Stored data entries:

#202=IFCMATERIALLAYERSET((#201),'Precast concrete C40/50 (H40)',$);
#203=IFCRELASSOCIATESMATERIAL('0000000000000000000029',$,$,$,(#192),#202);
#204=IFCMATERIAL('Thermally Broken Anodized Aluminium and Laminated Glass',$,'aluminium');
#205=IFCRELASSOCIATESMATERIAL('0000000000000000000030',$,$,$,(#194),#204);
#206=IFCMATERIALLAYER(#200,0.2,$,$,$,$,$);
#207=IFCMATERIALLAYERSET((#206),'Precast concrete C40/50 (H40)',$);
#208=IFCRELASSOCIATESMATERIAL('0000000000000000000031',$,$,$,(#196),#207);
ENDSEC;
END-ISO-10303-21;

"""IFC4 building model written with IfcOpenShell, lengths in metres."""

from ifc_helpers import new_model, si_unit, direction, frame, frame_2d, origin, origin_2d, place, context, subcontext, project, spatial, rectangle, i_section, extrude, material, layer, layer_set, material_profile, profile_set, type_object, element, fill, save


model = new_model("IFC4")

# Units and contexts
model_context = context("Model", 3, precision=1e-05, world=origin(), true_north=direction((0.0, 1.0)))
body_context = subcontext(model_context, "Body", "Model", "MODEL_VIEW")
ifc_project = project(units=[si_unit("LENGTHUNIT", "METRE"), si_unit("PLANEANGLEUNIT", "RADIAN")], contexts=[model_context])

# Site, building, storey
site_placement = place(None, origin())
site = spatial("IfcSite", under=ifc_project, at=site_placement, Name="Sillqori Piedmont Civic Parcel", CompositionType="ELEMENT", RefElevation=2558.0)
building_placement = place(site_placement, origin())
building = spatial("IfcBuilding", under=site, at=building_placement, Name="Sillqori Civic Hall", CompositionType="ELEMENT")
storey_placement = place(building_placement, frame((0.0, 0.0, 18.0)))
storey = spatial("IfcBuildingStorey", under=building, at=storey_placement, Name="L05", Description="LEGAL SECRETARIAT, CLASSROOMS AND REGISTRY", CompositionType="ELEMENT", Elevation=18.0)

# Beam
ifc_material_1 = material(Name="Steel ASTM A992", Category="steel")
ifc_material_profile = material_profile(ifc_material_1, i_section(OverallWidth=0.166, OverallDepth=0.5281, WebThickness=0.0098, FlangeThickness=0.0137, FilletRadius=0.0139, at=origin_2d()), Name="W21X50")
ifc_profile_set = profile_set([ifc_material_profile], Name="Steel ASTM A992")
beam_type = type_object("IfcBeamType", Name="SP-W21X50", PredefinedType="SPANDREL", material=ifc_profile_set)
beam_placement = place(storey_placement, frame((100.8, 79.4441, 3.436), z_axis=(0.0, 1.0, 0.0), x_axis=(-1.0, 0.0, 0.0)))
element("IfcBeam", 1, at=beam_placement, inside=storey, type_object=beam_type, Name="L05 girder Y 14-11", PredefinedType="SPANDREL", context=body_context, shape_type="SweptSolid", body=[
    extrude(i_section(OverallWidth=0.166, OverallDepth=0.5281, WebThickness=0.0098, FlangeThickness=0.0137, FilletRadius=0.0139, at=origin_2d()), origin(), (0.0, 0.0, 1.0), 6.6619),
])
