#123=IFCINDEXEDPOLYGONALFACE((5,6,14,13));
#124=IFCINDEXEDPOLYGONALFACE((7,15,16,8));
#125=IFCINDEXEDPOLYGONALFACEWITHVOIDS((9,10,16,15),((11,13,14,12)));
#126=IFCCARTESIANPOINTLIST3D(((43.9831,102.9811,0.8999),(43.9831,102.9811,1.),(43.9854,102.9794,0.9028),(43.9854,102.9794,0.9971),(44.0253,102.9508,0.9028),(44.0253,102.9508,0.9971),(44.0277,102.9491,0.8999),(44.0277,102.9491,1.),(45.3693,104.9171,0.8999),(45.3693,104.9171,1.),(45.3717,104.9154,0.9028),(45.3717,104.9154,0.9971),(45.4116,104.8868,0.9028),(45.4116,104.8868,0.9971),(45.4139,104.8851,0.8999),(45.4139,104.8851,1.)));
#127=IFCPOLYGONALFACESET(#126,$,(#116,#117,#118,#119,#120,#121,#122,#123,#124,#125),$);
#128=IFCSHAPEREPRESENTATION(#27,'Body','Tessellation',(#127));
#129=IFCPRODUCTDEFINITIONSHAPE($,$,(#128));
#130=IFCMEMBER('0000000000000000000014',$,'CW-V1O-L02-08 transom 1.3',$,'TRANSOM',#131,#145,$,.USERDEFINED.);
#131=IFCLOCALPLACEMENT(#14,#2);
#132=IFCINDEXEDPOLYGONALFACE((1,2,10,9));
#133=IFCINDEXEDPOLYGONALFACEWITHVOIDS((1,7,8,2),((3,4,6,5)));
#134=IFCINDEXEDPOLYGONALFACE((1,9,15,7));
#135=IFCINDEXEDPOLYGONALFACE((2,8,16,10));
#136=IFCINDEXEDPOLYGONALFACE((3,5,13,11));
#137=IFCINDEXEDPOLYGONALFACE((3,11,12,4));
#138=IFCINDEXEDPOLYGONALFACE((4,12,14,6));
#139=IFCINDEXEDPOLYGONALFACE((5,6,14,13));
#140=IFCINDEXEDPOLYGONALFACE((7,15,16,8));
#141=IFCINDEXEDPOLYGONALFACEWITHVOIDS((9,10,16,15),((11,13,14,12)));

Problem description:
Up to and including the line with "END-ISO-10303-21;", restate the records above word for word from the very first line.

Completed task:
#202=IFCMATERIALLAYERSET((#201),'Precast concrete C40/50 (H40)',$);
#203=IFCRELASSOCIATESMATERIAL('0000000000000000000029',$,$,$,(#192),#202);
#204=IFCMATERIAL('Thermally Broken Anodized Aluminium and Laminated Glass',$,'aluminium');
#205=IFCRELASSOCIATESMATERIAL('0000000000000000000030',$,$,$,(#194),#204);
#206=IFCMATERIALLAYER(#200,0.2,$,$,$,$,$);
#207=IFCMATERIALLAYERSET((#206),'Precast concrete C40/50 (H40)',$);
#208=IFCRELASSOCIATESMATERIAL('0000000000000000000031',$,$,$,(#196),#207);
ENDSEC;
END-ISO-10303-21;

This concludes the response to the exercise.